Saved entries
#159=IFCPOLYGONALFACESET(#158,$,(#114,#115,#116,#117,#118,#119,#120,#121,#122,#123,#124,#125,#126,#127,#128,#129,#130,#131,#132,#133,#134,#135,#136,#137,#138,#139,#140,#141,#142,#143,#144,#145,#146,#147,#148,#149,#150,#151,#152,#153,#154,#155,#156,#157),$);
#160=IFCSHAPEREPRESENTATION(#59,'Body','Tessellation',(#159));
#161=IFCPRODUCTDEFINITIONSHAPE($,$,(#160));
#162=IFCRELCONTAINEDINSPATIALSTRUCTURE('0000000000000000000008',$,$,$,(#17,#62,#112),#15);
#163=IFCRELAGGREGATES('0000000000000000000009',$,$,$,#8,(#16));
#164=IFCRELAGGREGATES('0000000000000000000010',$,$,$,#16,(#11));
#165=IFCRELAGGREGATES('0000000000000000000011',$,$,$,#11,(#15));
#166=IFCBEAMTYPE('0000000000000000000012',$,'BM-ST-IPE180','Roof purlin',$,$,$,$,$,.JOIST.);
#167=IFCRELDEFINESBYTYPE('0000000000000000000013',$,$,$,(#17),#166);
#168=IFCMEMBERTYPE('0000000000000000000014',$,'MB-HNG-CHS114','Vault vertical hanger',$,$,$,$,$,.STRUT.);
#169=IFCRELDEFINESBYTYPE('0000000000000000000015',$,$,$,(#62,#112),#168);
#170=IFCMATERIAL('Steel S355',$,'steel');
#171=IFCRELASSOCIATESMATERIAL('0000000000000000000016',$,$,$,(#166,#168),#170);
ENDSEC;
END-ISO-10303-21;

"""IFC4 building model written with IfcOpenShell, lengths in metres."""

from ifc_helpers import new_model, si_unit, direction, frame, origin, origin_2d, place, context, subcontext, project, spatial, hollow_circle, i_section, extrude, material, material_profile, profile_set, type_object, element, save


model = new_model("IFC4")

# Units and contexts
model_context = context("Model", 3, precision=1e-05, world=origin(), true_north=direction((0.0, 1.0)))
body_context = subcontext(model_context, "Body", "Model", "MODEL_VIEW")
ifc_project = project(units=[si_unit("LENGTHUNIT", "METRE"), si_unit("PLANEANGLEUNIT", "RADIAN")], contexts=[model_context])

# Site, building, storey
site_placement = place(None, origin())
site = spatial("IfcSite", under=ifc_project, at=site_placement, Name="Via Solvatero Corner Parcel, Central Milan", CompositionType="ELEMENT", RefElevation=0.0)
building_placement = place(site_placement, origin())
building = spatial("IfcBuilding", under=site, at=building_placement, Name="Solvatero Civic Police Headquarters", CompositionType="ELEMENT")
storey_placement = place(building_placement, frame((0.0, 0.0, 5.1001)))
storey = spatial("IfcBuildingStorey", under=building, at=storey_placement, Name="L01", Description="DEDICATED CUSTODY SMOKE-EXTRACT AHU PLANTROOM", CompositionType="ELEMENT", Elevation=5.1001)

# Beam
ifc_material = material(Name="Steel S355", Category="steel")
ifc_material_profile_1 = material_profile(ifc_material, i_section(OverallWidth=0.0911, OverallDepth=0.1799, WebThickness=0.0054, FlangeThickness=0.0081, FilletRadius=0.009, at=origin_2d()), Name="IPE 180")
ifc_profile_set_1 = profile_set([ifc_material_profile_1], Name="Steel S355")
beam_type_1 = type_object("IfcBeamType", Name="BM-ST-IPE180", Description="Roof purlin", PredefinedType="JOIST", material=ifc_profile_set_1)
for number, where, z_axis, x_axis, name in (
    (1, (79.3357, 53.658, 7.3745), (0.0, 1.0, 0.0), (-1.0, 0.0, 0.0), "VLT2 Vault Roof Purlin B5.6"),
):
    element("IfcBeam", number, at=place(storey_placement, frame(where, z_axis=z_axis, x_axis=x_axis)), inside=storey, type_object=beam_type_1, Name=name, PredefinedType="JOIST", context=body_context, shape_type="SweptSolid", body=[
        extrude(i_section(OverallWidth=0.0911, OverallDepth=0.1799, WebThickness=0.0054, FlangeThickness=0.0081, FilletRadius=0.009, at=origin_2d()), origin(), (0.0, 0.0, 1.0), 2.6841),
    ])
---
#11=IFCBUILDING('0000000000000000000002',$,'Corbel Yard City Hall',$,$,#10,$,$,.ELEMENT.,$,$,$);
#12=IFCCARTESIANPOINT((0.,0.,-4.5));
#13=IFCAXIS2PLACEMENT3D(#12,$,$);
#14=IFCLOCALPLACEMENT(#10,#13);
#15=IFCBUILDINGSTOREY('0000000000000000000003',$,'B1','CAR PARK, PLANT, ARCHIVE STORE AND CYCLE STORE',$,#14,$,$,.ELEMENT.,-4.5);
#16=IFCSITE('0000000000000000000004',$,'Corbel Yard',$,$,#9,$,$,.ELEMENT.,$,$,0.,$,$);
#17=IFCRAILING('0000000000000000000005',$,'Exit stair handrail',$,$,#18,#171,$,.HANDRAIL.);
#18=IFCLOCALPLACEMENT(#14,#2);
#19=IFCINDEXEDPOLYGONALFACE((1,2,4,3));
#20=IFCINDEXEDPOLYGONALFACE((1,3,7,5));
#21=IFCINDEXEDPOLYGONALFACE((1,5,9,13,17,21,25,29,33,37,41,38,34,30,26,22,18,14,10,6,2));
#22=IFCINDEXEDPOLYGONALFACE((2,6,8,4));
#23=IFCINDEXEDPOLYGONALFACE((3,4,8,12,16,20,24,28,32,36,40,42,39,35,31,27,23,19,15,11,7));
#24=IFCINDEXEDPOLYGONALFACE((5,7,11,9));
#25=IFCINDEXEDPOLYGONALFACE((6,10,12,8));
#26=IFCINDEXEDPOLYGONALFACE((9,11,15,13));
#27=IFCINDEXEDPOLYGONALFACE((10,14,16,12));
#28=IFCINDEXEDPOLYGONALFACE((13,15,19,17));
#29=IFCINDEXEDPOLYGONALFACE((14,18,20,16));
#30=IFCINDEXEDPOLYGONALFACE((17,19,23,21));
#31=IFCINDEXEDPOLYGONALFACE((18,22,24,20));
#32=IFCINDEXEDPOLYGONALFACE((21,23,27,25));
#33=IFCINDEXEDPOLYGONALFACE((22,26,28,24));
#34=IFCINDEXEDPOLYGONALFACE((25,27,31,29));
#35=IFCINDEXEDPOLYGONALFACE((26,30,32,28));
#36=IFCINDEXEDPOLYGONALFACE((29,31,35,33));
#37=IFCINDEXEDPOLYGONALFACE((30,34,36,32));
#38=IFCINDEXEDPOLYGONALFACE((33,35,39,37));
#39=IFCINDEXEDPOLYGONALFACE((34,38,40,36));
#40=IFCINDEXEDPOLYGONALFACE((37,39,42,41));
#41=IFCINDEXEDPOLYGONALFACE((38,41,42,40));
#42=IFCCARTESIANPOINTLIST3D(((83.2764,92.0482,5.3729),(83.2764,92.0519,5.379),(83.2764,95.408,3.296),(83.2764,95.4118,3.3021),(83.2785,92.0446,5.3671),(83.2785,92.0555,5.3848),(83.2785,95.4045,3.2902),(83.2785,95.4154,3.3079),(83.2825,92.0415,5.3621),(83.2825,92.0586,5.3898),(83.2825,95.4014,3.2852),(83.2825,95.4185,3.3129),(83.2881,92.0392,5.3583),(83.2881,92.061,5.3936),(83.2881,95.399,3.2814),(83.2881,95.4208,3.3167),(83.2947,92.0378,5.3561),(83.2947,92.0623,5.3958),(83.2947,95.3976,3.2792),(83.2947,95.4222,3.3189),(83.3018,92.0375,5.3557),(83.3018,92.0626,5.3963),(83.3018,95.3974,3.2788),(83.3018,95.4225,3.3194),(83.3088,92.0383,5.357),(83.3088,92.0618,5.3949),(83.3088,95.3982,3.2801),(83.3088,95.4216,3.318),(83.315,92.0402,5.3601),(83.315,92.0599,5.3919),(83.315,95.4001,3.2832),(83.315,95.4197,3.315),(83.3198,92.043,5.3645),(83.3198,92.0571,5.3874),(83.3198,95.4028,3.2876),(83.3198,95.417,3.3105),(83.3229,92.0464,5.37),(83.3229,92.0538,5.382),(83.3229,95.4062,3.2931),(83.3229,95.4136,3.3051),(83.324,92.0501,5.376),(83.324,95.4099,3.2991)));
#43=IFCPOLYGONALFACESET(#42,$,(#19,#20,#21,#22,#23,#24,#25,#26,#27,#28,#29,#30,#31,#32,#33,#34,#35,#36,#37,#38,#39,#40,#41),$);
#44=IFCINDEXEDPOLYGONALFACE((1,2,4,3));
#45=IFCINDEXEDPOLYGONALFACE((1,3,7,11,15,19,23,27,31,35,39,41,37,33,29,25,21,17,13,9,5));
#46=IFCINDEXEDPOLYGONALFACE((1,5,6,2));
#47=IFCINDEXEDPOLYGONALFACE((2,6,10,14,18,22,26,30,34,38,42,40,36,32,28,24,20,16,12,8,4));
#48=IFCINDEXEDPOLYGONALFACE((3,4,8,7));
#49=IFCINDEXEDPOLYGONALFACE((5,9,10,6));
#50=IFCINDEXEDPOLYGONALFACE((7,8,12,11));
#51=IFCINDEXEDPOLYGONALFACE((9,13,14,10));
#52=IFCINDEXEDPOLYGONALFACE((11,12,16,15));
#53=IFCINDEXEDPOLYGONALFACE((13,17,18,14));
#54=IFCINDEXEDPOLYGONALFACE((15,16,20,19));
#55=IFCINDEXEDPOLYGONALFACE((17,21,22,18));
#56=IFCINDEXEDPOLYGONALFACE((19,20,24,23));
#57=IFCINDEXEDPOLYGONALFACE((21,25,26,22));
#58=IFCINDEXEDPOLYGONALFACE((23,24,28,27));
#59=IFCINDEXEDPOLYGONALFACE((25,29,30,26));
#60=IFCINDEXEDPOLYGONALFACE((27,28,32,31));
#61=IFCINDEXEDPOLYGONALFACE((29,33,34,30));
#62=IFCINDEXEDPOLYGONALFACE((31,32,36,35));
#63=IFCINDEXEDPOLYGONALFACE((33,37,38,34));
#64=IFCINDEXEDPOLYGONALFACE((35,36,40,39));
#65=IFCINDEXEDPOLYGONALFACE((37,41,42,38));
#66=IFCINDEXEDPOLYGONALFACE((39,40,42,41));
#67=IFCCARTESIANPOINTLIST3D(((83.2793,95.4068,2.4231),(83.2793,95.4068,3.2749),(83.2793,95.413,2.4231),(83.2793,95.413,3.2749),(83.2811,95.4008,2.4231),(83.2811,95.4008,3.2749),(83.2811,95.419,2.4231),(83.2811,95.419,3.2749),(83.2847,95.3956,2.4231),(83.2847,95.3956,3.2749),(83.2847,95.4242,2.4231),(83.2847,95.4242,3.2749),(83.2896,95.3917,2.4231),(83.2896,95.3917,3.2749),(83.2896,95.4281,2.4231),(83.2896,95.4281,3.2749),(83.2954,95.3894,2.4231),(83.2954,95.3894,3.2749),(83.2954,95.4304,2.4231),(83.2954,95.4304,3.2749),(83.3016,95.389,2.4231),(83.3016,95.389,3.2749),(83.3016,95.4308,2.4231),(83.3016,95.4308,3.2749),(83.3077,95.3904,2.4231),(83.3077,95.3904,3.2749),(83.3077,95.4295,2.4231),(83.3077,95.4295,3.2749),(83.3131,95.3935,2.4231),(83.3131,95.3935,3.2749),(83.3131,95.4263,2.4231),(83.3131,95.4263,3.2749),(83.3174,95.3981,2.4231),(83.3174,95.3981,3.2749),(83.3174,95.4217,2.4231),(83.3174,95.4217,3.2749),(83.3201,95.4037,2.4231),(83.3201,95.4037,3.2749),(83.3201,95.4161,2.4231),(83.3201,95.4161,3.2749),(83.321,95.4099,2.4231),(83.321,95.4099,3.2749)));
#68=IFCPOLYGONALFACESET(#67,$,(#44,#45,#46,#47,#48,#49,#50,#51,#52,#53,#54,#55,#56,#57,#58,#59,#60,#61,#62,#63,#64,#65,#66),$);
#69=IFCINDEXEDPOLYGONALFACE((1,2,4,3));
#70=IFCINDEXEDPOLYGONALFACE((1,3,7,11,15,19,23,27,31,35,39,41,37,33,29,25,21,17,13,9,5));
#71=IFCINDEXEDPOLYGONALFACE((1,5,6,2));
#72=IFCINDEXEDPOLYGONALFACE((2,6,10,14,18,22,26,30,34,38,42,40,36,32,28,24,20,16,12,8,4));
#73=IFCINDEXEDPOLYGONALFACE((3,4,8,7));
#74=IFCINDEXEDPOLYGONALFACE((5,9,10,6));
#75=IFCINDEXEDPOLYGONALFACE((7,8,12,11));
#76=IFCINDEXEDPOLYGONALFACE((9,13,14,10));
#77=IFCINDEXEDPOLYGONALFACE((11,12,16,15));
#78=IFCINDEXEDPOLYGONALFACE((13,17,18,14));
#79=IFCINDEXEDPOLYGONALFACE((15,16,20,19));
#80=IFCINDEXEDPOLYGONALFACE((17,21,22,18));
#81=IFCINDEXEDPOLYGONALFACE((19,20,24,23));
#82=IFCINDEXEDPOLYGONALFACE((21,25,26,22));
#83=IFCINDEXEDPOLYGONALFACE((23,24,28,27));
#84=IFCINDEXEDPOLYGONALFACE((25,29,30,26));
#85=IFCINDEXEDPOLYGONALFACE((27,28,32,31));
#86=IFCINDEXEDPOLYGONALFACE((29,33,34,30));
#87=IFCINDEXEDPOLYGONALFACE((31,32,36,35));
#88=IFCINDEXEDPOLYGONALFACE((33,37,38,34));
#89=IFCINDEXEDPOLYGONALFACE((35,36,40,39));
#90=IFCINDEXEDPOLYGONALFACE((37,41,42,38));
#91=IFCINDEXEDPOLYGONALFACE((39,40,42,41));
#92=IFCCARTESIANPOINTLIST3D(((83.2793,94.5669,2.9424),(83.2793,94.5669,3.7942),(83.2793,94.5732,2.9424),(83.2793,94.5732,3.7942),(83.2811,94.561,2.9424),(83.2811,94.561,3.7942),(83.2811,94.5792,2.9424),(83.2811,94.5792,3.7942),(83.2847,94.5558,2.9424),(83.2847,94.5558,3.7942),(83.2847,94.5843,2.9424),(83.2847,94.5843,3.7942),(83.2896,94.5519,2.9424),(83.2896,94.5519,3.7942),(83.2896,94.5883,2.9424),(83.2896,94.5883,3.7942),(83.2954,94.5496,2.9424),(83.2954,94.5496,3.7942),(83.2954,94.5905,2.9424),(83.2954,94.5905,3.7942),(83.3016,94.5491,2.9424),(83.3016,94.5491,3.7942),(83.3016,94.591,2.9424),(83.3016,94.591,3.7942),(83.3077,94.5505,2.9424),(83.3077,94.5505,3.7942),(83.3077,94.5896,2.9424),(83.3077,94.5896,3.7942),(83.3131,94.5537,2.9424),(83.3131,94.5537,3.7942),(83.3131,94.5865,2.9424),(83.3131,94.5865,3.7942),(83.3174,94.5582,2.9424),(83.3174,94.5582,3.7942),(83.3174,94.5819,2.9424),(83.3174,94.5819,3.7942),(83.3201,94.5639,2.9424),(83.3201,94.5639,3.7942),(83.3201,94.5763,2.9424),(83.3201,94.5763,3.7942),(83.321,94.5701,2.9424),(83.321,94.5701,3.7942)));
---
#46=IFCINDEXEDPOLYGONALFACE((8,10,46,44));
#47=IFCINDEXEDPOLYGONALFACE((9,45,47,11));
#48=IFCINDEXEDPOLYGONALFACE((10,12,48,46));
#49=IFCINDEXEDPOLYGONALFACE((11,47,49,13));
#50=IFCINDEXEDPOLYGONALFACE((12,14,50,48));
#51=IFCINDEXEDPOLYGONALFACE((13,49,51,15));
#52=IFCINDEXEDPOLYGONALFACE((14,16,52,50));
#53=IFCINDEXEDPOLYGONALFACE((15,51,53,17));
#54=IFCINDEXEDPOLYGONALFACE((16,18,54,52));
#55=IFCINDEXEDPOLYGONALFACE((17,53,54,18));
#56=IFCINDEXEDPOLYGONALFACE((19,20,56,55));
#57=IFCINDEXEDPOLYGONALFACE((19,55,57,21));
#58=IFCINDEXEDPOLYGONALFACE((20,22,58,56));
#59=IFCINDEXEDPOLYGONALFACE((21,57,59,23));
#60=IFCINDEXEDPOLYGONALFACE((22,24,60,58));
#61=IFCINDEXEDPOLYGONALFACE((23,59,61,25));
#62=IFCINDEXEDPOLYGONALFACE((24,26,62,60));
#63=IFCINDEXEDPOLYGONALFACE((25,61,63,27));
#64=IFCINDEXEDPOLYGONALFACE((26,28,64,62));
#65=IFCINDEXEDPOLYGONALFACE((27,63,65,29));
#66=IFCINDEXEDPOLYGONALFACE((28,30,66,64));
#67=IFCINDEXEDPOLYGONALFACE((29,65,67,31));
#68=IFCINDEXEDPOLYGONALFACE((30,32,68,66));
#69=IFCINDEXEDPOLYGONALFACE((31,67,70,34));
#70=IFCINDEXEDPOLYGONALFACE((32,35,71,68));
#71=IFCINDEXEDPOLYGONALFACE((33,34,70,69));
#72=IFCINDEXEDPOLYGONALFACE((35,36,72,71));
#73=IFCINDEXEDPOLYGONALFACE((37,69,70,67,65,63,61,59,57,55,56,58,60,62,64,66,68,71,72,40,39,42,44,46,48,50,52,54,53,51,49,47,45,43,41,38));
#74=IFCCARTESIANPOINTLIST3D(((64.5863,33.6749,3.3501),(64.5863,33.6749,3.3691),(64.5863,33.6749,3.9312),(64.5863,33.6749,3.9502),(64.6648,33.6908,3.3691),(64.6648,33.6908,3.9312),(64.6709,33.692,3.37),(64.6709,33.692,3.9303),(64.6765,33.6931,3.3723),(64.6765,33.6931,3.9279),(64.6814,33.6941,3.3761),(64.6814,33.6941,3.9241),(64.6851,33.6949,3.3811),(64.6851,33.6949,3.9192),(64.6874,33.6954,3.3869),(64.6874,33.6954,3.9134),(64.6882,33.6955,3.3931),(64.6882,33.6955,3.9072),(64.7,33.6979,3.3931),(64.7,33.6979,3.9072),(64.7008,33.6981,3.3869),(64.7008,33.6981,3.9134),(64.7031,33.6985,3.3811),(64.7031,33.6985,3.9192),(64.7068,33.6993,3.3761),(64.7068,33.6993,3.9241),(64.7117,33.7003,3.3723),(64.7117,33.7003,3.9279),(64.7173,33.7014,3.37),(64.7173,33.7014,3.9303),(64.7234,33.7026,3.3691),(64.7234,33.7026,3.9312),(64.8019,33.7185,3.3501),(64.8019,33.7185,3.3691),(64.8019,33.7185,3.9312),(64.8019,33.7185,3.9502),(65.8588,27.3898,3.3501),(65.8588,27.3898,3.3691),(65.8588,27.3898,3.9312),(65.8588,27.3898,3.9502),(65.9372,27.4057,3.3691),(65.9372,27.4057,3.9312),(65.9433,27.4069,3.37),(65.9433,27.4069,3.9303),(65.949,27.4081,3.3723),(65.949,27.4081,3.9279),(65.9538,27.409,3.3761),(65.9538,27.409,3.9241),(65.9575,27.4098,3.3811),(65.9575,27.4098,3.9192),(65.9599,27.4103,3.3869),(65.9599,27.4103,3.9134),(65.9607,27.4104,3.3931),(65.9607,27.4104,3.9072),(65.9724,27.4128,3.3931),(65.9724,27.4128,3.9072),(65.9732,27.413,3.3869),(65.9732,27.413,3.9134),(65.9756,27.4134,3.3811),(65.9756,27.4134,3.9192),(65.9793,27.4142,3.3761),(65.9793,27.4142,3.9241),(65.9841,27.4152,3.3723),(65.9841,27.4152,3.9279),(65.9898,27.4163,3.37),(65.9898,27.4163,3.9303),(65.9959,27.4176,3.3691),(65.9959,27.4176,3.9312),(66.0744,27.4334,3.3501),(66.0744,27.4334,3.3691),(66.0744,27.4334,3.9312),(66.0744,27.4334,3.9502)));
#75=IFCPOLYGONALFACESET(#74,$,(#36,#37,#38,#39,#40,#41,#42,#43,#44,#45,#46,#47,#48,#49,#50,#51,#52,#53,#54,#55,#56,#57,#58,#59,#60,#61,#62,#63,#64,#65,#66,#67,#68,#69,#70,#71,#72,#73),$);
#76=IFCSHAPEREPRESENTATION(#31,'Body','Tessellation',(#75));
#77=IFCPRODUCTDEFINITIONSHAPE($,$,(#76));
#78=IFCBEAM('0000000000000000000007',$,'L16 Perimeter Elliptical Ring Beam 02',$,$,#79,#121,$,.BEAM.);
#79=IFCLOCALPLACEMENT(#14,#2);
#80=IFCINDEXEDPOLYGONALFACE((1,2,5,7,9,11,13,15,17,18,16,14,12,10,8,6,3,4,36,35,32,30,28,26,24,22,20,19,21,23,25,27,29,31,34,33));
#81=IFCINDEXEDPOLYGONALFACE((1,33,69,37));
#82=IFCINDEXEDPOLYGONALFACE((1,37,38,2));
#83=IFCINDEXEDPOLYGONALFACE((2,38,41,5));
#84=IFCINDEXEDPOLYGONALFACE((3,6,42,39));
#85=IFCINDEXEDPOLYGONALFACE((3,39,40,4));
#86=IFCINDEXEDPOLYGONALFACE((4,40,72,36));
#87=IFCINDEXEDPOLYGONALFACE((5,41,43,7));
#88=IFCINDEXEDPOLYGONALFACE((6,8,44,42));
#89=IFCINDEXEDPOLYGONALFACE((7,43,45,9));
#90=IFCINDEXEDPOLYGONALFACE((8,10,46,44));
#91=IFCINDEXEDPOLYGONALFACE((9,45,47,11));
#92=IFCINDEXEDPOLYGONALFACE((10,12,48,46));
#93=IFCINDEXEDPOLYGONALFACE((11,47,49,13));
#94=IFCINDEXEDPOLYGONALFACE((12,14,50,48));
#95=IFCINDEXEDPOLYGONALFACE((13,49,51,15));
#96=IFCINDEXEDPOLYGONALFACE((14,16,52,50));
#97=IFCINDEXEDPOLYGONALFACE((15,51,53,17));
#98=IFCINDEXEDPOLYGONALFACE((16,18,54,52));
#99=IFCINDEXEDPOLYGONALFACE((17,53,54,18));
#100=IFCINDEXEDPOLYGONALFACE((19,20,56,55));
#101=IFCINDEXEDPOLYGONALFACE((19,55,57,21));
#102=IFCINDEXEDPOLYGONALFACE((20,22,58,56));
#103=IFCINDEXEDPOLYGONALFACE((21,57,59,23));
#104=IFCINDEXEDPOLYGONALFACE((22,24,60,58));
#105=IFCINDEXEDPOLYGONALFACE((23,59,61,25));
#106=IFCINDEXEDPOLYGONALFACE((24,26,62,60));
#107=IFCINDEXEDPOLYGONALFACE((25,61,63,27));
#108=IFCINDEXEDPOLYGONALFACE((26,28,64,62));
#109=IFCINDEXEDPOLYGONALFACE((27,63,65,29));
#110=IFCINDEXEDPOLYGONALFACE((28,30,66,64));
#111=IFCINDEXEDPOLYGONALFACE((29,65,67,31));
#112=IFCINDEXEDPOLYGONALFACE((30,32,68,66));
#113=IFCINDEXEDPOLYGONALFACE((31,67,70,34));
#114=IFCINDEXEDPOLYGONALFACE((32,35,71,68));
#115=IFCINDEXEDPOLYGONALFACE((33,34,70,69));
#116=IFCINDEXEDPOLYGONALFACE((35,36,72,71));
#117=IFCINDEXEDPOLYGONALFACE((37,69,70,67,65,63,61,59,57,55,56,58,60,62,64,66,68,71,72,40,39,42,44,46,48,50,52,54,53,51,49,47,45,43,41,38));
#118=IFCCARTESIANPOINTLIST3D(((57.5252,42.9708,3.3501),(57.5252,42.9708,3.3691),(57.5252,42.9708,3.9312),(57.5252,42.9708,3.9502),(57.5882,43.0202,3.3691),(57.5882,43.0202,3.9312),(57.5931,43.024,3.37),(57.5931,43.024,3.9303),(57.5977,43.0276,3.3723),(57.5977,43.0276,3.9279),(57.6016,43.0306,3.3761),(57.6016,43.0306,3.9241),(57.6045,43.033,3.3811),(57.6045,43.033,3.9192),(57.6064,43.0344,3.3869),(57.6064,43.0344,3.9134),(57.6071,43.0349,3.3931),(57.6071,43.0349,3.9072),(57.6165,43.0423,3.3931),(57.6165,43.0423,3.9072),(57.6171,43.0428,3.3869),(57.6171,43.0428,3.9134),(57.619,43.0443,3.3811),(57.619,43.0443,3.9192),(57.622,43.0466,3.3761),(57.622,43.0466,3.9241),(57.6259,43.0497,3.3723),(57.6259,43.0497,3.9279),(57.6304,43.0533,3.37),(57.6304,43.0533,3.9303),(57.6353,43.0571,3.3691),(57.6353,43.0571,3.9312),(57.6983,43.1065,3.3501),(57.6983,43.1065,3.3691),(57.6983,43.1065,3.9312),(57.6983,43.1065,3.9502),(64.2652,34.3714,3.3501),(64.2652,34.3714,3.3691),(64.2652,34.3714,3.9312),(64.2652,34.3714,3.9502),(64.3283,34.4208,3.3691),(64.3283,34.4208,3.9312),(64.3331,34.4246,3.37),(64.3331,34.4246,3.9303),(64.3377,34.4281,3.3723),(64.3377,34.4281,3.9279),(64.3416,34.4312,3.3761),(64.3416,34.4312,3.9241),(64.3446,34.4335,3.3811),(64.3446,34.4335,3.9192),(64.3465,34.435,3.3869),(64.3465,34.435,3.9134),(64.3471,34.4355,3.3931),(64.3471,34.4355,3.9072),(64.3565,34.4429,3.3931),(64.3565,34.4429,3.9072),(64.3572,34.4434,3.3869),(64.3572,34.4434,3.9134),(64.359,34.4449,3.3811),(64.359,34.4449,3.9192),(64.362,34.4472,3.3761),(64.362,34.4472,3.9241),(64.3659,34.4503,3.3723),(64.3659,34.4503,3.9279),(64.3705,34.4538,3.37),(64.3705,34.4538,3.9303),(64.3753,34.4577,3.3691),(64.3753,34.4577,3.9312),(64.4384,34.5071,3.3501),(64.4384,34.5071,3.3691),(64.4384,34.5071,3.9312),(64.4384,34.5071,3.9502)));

The task
The expected answer is a copy of every line in the entries that holds the word "Yard".

Task solution
#11=IFCBUILDING('0000000000000000000002',$,'Corbel Yard City Hall',$,$,#10,$,$,.ELEMENT.,$,$,$);
#16=IFCSITE('0000000000000000000004',$,'Corbel Yard',$,$,#9,$,$,.ELEMENT.,$,$,0.,$,$);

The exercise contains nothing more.